Give again, exactly as written, each line of the material below starting at the line that contains "frame((0.0, 0.0, 10.8)))" and ending at the line that contains "ROOM, CONFERENCE ROOM". Both ends count, and no other line does.

- - -

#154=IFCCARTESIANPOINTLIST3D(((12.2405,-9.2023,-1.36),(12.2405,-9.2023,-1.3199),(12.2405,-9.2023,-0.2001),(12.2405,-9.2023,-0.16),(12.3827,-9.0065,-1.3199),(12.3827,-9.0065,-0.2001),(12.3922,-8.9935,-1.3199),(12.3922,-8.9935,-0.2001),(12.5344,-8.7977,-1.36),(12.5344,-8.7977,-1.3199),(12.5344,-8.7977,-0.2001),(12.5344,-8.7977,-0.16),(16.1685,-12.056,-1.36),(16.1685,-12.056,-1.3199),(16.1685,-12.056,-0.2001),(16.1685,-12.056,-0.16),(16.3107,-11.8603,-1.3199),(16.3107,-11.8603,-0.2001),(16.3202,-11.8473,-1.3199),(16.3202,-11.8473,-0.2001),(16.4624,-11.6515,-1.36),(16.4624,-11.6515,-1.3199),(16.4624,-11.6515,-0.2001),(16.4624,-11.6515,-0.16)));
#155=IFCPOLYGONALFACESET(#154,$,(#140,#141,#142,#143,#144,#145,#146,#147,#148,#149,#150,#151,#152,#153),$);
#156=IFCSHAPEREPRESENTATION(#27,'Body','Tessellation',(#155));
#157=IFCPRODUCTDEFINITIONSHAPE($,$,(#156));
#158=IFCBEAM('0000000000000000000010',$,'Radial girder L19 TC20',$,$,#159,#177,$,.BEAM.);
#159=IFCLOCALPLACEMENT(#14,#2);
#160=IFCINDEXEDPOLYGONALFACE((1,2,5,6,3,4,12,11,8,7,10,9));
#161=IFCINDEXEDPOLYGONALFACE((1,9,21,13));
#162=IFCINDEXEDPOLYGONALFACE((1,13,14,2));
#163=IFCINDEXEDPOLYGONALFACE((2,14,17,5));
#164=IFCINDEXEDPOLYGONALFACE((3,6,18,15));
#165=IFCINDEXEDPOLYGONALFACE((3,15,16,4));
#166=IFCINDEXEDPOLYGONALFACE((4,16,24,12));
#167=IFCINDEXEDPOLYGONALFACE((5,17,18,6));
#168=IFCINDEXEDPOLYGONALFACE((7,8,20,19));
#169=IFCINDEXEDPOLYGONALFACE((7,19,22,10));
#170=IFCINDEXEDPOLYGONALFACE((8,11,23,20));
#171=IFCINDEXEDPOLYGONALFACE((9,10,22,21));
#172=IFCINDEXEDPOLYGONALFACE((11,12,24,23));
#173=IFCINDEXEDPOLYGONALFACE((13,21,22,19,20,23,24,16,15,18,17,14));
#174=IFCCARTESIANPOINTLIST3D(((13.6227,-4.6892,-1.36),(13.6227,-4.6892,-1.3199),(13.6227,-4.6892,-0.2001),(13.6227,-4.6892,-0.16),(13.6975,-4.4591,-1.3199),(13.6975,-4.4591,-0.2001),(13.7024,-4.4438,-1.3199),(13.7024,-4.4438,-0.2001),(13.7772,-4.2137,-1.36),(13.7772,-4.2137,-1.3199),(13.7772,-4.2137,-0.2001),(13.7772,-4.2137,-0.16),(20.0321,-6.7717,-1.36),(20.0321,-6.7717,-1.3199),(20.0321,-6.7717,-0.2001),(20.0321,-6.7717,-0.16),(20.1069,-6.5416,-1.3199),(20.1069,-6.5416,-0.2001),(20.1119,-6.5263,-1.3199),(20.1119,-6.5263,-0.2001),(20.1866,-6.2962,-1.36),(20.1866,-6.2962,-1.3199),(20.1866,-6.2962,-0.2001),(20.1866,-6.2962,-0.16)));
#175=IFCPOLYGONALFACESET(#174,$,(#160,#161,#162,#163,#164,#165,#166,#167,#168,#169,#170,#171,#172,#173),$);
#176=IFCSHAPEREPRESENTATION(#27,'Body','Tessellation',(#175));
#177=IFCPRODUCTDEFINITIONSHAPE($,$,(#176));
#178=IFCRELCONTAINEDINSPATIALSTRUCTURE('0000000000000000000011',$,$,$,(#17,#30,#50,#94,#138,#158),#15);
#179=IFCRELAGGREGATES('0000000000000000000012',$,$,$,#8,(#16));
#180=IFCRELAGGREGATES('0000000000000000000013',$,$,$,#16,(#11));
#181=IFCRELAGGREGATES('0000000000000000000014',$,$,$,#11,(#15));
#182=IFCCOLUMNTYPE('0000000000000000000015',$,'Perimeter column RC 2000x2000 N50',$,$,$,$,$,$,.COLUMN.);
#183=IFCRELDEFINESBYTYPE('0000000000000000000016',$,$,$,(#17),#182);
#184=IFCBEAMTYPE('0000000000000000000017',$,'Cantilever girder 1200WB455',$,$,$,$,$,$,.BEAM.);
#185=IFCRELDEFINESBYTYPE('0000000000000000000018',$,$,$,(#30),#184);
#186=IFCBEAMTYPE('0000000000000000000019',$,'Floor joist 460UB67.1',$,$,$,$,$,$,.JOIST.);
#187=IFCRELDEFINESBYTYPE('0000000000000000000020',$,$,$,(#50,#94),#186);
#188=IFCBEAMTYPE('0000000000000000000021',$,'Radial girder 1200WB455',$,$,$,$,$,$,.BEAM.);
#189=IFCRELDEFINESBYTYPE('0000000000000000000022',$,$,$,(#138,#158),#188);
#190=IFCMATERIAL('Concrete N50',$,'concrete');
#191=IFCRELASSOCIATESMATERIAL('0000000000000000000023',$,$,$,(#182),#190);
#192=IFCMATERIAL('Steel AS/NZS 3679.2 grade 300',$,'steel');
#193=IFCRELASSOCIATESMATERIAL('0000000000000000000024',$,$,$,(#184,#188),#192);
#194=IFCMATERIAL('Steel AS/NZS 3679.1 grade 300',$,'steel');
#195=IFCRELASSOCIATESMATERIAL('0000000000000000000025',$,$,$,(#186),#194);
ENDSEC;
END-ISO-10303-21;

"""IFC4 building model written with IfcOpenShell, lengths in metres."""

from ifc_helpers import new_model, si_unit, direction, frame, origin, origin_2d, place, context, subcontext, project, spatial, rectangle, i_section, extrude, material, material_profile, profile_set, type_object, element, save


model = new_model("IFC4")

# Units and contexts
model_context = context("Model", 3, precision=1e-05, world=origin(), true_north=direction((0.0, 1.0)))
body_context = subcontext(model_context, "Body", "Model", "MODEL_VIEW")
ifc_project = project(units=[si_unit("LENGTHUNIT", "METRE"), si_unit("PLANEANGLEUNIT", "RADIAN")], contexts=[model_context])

- - -

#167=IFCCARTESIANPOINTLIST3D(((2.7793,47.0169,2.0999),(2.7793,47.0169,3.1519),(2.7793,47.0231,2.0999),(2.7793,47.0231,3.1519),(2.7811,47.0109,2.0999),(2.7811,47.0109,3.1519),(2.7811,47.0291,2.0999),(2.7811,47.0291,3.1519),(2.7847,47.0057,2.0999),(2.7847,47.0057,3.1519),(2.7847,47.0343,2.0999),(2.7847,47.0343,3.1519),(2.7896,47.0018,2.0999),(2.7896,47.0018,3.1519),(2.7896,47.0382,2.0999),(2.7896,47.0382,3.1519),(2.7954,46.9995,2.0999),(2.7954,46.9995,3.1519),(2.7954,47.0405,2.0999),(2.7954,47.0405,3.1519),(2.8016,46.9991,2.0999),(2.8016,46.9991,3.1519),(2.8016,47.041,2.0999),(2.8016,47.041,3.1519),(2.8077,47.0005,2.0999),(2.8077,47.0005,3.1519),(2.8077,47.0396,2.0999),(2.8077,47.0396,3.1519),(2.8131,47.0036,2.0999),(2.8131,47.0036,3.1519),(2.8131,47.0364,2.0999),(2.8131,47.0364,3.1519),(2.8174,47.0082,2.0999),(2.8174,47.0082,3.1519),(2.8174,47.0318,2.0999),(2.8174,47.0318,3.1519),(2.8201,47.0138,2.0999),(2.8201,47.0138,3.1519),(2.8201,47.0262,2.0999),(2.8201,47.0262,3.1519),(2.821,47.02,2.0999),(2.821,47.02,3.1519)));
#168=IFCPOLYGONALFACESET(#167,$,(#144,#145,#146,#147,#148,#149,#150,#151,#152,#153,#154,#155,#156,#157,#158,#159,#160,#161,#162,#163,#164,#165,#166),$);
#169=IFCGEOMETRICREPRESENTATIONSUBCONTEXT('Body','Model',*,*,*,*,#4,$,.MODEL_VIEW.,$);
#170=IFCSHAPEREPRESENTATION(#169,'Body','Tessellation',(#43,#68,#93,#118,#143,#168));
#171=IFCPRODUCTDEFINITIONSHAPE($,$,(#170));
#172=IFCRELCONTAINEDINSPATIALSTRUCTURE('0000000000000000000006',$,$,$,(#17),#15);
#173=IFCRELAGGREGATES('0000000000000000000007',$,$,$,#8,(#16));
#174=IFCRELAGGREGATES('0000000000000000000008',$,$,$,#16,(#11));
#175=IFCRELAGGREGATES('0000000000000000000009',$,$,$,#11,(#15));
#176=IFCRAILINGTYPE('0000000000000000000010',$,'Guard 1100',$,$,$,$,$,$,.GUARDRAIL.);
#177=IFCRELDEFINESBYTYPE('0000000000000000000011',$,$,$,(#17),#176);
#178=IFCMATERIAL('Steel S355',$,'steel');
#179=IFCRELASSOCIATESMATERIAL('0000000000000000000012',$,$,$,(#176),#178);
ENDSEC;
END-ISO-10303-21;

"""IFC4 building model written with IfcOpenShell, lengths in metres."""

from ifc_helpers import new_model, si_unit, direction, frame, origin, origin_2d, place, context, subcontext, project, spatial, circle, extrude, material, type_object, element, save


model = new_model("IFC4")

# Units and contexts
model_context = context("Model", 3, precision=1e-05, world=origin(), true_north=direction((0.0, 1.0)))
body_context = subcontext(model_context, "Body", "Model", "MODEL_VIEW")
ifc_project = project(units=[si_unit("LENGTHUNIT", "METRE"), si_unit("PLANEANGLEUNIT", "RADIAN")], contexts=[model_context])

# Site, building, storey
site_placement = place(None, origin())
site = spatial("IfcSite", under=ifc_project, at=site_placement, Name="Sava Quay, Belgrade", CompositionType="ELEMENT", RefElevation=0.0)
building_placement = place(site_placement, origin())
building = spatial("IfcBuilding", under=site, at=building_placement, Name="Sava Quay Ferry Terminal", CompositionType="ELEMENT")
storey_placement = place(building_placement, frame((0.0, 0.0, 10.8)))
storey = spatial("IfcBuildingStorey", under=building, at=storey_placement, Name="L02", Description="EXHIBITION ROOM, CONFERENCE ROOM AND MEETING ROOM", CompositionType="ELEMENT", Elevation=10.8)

- - -

PROBLEM SOLUTION:
storey_placement = place(building_placement, frame((0.0, 0.0, 10.8)))
storey = spatial("IfcBuildingStorey", under=building, at=storey_placement, Name="L02", Description="EXHIBITION ROOM, CONFERENCE ROOM AND MEETING ROOM", CompositionType="ELEMENT", Elevation=10.8)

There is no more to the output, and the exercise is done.